** Opening Exercise data block **
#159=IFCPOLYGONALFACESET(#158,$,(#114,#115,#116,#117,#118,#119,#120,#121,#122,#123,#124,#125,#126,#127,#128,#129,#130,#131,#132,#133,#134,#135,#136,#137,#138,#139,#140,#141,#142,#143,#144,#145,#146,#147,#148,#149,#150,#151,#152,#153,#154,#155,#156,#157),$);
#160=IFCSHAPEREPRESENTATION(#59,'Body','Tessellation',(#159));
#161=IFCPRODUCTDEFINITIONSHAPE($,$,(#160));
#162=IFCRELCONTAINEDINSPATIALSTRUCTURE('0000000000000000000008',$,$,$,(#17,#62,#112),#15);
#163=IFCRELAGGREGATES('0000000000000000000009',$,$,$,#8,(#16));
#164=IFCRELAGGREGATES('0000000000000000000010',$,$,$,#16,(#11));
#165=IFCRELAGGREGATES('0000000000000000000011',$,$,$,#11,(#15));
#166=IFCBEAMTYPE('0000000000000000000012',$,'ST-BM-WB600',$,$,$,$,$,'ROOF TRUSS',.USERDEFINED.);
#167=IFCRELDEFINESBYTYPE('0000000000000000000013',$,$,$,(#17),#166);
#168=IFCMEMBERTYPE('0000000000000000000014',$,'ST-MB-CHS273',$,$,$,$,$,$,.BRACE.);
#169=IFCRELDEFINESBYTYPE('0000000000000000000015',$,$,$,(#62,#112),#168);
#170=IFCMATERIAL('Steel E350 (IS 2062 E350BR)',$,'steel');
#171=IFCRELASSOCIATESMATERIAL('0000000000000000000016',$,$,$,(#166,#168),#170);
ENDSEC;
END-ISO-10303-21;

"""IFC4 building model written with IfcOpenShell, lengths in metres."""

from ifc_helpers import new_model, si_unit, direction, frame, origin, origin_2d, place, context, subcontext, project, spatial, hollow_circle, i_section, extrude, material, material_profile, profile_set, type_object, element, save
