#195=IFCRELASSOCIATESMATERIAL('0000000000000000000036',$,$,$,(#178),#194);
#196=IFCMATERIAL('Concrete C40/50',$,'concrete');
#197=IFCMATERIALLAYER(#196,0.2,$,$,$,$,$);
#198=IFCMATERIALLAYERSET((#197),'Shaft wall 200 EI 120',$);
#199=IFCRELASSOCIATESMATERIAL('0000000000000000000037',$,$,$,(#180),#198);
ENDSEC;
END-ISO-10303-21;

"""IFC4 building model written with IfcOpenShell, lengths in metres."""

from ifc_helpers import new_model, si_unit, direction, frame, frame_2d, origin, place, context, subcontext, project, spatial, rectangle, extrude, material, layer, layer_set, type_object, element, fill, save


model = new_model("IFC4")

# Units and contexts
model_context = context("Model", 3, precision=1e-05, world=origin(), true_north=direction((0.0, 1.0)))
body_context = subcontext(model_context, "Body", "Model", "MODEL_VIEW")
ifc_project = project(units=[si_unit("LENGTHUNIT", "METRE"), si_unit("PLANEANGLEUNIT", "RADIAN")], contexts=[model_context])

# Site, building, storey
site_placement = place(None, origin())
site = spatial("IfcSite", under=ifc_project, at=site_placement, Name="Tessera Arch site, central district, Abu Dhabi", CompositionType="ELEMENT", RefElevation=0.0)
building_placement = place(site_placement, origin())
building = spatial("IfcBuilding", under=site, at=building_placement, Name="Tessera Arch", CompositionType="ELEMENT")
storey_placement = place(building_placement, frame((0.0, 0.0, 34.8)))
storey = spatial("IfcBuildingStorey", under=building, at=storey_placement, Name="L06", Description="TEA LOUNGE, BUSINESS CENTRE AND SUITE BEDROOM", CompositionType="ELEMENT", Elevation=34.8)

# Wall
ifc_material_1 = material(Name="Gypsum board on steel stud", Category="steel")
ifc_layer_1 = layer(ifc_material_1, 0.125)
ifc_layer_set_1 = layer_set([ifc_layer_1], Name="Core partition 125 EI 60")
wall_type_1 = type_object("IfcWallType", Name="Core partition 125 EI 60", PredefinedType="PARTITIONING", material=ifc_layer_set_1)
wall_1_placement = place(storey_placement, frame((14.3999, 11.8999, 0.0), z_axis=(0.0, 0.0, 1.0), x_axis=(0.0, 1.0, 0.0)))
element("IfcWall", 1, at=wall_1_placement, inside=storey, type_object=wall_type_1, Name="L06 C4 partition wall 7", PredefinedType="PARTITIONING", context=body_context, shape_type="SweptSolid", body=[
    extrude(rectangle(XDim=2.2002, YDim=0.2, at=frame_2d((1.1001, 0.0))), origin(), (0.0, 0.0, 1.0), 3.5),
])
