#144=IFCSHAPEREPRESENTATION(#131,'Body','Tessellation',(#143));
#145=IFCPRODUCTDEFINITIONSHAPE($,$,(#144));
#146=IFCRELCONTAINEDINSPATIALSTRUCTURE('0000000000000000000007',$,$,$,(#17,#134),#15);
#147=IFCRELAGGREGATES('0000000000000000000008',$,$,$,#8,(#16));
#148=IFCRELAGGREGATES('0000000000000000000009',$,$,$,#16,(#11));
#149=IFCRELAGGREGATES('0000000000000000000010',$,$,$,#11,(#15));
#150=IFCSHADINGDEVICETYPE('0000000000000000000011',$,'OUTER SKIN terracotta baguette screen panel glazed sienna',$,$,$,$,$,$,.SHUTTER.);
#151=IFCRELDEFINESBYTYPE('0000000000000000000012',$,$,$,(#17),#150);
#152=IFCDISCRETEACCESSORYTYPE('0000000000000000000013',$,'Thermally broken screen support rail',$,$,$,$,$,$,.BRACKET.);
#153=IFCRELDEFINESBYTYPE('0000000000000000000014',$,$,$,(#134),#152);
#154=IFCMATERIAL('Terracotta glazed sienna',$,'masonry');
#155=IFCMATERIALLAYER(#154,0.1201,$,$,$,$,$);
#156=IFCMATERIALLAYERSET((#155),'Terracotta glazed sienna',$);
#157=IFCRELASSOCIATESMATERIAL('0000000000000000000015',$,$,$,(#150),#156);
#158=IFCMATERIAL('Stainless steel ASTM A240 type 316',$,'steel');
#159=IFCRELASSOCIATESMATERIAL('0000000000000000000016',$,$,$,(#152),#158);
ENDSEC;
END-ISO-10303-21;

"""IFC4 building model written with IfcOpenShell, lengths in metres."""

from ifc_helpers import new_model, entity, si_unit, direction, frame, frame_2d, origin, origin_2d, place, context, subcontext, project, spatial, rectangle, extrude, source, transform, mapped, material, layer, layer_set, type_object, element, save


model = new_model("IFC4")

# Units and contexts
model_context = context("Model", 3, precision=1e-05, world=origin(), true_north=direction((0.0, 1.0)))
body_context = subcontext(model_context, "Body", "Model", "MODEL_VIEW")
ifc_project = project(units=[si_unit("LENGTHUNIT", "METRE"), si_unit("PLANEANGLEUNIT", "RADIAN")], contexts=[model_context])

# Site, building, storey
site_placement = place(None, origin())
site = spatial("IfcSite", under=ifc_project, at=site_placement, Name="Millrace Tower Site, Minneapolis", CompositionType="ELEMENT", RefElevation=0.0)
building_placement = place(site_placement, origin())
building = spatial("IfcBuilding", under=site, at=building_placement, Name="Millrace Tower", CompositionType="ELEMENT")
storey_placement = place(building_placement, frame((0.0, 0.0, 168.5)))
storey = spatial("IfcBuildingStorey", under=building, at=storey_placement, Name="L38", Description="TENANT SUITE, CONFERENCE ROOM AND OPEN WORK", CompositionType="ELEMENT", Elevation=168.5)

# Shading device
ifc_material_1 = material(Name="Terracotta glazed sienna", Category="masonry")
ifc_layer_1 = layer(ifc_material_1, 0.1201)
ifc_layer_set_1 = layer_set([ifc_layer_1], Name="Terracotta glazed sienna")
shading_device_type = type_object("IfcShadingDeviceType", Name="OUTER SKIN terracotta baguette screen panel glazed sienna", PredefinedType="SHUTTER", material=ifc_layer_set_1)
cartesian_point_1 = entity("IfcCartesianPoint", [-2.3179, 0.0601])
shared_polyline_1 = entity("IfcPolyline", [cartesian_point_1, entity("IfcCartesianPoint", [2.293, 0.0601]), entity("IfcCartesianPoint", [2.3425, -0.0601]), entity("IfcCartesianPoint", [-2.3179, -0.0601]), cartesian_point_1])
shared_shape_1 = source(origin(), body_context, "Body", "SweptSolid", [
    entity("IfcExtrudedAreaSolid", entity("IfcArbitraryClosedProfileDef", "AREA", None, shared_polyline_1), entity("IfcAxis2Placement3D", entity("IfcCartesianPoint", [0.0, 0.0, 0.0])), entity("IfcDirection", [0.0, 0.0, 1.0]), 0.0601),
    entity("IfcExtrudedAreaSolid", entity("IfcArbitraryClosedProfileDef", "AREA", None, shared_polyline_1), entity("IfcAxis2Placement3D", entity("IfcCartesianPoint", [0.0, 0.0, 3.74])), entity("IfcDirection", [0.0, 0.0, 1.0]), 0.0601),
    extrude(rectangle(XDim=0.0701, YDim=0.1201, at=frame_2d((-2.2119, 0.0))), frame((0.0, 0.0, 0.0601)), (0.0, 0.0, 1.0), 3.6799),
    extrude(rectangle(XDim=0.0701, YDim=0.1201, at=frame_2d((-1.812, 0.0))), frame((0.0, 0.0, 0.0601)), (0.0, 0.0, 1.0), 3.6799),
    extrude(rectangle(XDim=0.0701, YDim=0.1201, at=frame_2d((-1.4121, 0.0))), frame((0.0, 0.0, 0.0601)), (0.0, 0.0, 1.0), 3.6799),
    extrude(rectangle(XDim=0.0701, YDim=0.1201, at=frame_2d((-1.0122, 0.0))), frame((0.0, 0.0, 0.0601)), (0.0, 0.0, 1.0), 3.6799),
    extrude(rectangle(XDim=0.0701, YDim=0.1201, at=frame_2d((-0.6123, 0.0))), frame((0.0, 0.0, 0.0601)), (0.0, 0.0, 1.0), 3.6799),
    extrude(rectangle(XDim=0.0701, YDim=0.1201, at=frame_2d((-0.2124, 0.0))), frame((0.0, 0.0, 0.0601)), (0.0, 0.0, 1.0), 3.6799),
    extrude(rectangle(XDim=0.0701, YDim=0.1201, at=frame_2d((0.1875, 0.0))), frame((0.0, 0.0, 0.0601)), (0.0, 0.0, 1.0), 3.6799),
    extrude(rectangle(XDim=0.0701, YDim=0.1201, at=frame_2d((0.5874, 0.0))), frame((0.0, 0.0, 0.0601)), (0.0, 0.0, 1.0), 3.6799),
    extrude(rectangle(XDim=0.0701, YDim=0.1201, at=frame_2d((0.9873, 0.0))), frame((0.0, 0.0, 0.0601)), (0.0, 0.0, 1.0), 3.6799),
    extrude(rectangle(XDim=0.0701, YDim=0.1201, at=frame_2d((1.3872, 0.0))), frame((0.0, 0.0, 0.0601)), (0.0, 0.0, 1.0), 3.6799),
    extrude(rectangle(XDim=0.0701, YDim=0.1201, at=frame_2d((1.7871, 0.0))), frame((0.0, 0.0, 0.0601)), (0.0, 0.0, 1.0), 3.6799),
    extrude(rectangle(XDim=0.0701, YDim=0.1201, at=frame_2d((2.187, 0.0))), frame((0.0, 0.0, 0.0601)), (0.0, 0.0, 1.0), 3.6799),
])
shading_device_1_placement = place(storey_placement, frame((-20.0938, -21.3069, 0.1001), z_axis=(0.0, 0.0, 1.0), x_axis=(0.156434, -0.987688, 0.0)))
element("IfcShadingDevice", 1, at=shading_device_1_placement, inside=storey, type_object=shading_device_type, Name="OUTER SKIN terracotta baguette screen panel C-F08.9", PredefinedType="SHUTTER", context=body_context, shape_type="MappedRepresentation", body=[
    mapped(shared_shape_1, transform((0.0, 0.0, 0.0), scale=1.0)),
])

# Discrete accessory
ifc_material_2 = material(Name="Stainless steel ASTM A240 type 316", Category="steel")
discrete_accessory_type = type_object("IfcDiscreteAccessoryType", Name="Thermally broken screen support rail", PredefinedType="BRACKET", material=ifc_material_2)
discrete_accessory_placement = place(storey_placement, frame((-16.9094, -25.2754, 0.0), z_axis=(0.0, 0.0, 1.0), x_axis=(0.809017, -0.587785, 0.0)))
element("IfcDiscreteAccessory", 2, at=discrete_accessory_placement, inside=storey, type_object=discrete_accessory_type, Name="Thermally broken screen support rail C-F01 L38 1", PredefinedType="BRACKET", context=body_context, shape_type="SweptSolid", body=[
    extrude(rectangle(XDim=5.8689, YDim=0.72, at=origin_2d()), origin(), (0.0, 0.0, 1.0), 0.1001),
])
** Closing Exercise data block **
Problem:
Look above and return each line of the records exactly, from the very first through the line with "#160=IFCSHAPEREPRESENTATION(#59,'Body','Tessellation',(#159));", both included.

Answer space:
#159=IFCPOLYGONALFACESET(#158,$,(#114,#115,#116,#117,#118,#119,#120,#121,#122,#123,#124,#125,#126,#127,#128,#129,#130,#131,#132,#133,#134,#135,#136,#137,#138,#139,#140,#141,#142,#143,#144,#145,#146,#147,#148,#149,#150,#151,#152,#153,#154,#155,#156,#157),$);
#160=IFCSHAPEREPRESENTATION(#59,'Body','Tessellation',(#159));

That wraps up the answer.